Aim of the exercise
Your answer must consist of exactly the lines below, starting with the line with "#55=IFCINDEXEDPOLYGONALFACE((5,7,8,6));" and going on through the line with "#63=IFCINDEXEDPOLYGONALFACE((1,3,7,5));", and nothing else.

[Saved entries]

**********

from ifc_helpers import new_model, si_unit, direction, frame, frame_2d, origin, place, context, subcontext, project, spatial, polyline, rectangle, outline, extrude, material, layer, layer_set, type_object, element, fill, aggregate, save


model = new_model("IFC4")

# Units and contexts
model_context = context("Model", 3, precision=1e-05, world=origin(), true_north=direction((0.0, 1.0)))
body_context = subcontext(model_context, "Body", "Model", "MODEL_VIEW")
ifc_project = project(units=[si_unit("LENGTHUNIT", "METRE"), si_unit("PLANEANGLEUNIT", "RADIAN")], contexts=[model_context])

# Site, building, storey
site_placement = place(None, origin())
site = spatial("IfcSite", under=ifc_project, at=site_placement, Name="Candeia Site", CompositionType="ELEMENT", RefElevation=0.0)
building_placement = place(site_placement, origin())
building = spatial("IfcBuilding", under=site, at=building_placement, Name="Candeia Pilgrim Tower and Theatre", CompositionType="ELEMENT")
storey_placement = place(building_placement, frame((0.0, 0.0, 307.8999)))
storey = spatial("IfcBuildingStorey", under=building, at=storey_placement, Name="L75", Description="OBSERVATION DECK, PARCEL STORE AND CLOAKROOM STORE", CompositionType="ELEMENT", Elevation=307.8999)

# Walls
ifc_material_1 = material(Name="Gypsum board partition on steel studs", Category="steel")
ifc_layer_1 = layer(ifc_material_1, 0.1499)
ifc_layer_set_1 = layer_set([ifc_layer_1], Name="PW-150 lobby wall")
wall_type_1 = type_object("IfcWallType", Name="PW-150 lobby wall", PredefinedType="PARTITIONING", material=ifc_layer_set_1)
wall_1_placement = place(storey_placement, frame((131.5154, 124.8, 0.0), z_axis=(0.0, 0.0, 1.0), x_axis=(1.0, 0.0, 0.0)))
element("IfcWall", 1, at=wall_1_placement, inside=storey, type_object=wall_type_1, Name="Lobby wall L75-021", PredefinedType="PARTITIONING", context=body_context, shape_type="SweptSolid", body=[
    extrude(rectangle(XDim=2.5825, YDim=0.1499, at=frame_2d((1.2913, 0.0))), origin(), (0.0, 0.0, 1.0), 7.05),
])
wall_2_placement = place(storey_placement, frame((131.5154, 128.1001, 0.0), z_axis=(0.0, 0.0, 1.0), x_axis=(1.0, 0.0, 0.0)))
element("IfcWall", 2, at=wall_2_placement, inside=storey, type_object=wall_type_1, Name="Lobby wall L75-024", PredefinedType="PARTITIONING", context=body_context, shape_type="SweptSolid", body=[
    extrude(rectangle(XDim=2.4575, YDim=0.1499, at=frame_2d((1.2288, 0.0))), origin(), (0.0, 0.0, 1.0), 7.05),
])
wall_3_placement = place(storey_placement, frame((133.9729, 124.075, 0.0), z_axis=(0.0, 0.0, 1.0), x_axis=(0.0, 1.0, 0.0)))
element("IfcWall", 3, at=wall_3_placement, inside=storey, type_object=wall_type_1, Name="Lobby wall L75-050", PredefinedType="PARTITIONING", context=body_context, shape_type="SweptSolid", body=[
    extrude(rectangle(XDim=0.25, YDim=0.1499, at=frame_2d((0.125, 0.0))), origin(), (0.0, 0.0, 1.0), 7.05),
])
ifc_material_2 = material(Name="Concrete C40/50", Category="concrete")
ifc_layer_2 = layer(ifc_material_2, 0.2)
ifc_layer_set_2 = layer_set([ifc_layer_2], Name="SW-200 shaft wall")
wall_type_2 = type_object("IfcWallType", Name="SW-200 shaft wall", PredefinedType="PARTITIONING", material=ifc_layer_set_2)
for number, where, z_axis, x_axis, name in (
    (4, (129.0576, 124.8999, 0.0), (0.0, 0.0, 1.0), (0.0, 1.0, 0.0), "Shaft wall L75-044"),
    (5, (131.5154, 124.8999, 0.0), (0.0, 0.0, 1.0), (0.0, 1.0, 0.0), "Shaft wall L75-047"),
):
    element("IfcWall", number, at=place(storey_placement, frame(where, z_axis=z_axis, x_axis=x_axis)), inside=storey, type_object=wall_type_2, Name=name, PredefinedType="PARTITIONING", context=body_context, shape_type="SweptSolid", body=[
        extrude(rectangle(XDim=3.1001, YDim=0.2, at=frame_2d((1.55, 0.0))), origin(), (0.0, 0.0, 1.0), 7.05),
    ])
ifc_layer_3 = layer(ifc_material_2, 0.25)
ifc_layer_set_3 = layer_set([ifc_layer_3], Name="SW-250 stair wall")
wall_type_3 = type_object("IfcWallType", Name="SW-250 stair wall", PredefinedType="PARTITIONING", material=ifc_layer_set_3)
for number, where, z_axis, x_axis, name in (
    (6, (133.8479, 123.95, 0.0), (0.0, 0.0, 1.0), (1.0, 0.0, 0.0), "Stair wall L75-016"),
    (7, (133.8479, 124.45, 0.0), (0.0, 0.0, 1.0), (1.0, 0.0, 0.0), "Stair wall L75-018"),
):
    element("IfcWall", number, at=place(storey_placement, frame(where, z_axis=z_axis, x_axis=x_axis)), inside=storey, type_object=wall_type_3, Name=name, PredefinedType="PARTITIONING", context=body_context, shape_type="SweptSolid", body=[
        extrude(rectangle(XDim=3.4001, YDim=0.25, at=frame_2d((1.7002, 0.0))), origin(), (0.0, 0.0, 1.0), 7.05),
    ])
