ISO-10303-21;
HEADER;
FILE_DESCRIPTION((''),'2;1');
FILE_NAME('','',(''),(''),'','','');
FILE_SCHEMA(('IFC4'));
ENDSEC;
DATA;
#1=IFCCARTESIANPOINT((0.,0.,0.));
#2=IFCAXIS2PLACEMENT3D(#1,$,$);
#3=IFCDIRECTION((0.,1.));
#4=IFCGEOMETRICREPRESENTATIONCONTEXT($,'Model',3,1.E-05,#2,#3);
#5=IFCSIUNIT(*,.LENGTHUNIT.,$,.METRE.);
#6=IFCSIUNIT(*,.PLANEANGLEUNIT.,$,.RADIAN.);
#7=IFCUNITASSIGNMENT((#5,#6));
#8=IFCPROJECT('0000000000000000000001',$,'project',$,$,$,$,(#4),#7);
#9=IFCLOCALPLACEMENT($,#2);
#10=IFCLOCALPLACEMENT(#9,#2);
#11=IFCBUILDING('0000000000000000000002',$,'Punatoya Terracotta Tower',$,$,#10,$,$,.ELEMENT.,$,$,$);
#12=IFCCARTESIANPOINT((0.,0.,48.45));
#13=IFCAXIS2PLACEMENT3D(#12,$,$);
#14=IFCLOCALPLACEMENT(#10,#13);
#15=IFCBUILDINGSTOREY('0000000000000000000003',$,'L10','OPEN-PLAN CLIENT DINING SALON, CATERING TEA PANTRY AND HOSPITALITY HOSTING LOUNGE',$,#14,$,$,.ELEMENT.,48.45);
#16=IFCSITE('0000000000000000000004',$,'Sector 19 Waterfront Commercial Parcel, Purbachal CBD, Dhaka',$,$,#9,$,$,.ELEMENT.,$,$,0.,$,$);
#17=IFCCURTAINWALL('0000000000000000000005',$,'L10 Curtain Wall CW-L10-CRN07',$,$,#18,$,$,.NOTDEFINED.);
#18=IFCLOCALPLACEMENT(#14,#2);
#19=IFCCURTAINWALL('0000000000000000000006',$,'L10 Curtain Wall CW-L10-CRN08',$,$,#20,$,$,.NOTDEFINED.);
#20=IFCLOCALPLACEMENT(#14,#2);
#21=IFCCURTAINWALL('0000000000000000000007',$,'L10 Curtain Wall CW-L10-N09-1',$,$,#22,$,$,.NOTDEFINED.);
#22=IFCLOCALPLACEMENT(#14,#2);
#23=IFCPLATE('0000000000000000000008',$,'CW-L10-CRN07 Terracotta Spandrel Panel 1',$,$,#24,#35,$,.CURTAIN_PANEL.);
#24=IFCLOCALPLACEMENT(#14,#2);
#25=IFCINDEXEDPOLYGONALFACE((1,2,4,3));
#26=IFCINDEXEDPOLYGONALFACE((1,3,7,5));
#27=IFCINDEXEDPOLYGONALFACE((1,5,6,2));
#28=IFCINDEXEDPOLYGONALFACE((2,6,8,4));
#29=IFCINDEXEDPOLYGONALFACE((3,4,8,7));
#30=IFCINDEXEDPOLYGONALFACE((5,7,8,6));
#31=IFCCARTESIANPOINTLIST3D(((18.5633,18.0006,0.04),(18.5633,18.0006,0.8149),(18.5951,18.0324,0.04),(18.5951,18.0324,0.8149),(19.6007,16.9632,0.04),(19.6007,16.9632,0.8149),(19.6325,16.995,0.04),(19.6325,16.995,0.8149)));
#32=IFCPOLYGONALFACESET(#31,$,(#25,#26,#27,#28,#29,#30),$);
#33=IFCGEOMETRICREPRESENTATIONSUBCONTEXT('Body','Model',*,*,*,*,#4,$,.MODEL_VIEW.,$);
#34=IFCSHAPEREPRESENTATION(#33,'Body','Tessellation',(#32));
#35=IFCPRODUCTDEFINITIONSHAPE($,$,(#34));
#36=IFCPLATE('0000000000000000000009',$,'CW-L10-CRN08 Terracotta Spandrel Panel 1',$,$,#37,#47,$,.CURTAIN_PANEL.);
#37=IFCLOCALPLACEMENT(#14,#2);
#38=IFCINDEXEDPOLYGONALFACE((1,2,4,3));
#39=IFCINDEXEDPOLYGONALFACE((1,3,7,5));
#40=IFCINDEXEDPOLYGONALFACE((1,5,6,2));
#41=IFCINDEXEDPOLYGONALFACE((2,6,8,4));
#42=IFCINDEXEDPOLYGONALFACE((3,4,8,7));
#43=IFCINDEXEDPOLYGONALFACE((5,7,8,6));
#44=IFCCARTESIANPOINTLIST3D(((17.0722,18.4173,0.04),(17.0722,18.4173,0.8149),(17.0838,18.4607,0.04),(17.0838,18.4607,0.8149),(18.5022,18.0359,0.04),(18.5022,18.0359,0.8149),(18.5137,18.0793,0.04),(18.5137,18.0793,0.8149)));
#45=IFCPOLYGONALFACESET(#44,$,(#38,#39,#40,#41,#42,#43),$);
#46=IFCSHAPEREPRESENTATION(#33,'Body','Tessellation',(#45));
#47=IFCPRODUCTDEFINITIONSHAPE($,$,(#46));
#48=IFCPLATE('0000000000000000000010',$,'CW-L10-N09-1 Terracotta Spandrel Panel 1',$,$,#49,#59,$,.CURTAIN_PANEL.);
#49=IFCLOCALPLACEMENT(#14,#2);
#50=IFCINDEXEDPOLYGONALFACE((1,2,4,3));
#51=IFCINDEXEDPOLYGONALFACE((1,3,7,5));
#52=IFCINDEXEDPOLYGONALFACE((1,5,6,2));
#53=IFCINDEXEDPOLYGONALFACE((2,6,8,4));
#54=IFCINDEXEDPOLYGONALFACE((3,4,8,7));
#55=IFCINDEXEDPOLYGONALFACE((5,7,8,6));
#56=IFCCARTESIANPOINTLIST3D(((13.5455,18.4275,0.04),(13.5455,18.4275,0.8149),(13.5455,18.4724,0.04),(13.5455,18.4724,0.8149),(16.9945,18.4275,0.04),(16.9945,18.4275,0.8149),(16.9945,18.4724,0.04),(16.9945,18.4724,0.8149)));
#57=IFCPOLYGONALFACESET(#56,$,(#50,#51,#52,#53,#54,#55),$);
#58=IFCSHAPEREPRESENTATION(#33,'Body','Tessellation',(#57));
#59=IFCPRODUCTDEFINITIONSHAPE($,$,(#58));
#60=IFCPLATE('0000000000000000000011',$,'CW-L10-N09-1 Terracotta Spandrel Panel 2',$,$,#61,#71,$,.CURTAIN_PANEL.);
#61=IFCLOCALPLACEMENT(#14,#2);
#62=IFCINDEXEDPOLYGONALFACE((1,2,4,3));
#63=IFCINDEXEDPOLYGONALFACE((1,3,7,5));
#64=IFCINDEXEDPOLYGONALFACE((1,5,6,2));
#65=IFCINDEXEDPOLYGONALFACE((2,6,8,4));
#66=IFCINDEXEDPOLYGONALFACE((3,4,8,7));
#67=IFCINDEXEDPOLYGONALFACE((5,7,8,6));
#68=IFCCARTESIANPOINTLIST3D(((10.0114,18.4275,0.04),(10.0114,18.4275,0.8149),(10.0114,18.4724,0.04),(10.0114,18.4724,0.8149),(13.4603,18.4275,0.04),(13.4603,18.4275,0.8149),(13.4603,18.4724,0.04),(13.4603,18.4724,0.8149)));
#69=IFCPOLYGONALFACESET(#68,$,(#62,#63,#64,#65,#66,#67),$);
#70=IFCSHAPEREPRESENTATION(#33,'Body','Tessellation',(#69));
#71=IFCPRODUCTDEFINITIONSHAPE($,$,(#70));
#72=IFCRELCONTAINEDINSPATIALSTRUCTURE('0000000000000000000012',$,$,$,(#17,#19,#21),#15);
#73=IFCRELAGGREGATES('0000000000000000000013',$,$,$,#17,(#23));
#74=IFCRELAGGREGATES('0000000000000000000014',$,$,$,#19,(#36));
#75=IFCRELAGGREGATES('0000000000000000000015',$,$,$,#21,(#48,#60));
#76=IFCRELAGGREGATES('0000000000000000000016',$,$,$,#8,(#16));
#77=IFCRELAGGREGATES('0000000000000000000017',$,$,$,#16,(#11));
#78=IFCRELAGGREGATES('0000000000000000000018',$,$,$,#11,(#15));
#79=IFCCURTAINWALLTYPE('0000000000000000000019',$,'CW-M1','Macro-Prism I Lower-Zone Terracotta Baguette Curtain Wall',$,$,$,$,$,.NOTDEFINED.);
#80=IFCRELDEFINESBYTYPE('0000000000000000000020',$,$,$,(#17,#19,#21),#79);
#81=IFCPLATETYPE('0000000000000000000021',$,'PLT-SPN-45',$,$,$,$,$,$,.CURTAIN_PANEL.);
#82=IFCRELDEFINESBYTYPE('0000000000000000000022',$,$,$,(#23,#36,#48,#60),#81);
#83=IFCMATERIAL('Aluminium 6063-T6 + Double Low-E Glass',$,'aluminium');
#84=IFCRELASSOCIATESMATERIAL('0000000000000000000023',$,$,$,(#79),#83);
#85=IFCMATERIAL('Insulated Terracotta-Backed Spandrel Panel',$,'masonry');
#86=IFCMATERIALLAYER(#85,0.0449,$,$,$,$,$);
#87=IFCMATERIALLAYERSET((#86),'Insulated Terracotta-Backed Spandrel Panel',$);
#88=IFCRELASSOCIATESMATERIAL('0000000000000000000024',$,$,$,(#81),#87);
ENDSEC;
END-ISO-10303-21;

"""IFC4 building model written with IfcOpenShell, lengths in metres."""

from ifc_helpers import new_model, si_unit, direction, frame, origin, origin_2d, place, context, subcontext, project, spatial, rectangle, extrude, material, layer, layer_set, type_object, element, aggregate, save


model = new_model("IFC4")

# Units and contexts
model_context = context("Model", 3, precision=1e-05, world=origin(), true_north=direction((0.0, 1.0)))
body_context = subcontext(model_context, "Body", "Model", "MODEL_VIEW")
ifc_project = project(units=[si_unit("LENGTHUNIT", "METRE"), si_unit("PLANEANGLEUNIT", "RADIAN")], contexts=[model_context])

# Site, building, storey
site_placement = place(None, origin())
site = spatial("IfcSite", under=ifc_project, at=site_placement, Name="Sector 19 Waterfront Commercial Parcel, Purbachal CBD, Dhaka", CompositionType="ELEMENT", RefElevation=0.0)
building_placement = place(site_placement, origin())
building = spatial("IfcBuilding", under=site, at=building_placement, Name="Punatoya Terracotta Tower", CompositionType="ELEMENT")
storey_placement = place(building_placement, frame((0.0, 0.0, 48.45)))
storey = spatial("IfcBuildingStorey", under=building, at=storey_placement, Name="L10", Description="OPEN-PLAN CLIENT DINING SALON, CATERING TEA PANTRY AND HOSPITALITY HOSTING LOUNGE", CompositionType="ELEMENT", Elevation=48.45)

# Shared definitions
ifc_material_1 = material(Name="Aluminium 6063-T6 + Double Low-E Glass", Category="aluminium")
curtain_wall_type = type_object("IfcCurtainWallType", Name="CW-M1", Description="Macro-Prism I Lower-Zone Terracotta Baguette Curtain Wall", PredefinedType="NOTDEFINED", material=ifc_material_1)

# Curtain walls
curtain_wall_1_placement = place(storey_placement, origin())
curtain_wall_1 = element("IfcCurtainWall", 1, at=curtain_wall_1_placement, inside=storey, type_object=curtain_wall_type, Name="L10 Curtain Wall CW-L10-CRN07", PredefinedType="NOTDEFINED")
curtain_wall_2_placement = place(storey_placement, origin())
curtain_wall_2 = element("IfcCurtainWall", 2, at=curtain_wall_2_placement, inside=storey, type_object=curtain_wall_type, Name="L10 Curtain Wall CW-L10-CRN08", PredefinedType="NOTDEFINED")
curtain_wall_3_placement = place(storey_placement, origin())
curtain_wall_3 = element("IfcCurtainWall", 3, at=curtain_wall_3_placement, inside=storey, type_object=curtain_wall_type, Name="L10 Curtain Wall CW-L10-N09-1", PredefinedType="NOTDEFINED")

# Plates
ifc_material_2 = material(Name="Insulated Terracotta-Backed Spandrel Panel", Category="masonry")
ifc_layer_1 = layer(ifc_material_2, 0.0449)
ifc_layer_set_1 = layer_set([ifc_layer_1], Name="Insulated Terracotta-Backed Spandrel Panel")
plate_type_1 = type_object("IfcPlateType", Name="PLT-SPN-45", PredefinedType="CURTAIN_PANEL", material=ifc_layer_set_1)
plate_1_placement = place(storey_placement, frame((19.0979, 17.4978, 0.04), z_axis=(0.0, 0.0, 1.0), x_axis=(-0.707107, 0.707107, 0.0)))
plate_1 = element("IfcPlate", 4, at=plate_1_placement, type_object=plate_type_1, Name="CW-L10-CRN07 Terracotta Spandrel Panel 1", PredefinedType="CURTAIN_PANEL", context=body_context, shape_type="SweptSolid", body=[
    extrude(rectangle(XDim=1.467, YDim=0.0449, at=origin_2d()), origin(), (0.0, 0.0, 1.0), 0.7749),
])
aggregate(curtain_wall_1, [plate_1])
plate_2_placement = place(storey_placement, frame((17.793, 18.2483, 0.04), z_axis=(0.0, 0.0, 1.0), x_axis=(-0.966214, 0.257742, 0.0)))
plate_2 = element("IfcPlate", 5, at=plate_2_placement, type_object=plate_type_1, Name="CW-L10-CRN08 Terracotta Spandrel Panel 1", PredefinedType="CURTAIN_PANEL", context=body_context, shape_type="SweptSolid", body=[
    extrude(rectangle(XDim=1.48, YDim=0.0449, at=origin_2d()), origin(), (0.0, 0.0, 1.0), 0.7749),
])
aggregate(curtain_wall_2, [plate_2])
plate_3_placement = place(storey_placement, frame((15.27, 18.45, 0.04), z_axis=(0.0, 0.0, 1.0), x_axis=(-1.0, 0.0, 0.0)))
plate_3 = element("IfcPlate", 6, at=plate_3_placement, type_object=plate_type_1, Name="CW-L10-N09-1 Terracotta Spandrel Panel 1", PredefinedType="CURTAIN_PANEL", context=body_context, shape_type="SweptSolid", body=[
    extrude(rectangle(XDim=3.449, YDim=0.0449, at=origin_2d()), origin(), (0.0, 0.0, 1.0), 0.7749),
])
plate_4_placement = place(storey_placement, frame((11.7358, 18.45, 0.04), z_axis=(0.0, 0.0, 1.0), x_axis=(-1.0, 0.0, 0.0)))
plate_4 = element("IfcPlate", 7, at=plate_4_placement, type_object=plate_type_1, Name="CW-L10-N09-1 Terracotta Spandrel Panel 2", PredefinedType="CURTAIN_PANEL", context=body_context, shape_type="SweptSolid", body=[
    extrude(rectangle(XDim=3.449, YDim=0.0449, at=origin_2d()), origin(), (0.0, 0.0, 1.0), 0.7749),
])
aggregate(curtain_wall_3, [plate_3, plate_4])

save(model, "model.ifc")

**********

Answer to this task
#55=IFCINDEXEDPOLYGONALFACE((5,7,8,6));
#56=IFCCARTESIANPOINTLIST3D(((13.5455,18.4275,0.04),(13.5455,18.4275,0.8149),(13.5455,18.4724,0.04),(13.5455,18.4724,0.8149),(16.9945,18.4275,0.04),(16.9945,18.4275,0.8149),(16.9945,18.4724,0.04),(16.9945,18.4724,0.8149)));
#57=IFCPOLYGONALFACESET(#56,$,(#50,#51,#52,#53,#54,#55),$);
#58=IFCSHAPEREPRESENTATION(#33,'Body','Tessellation',(#57));
#59=IFCPRODUCTDEFINITIONSHAPE($,$,(#58));
#60=IFCPLATE('0000000000000000000011',$,'CW-L10-N09-1 Terracotta Spandrel Panel 2',$,$,#61,#71,$,.CURTAIN_PANEL.);
#61=IFCLOCALPLACEMENT(#14,#2);
#62=IFCINDEXEDPOLYGONALFACE((1,2,4,3));
#63=IFCINDEXEDPOLYGONALFACE((1,3,7,5));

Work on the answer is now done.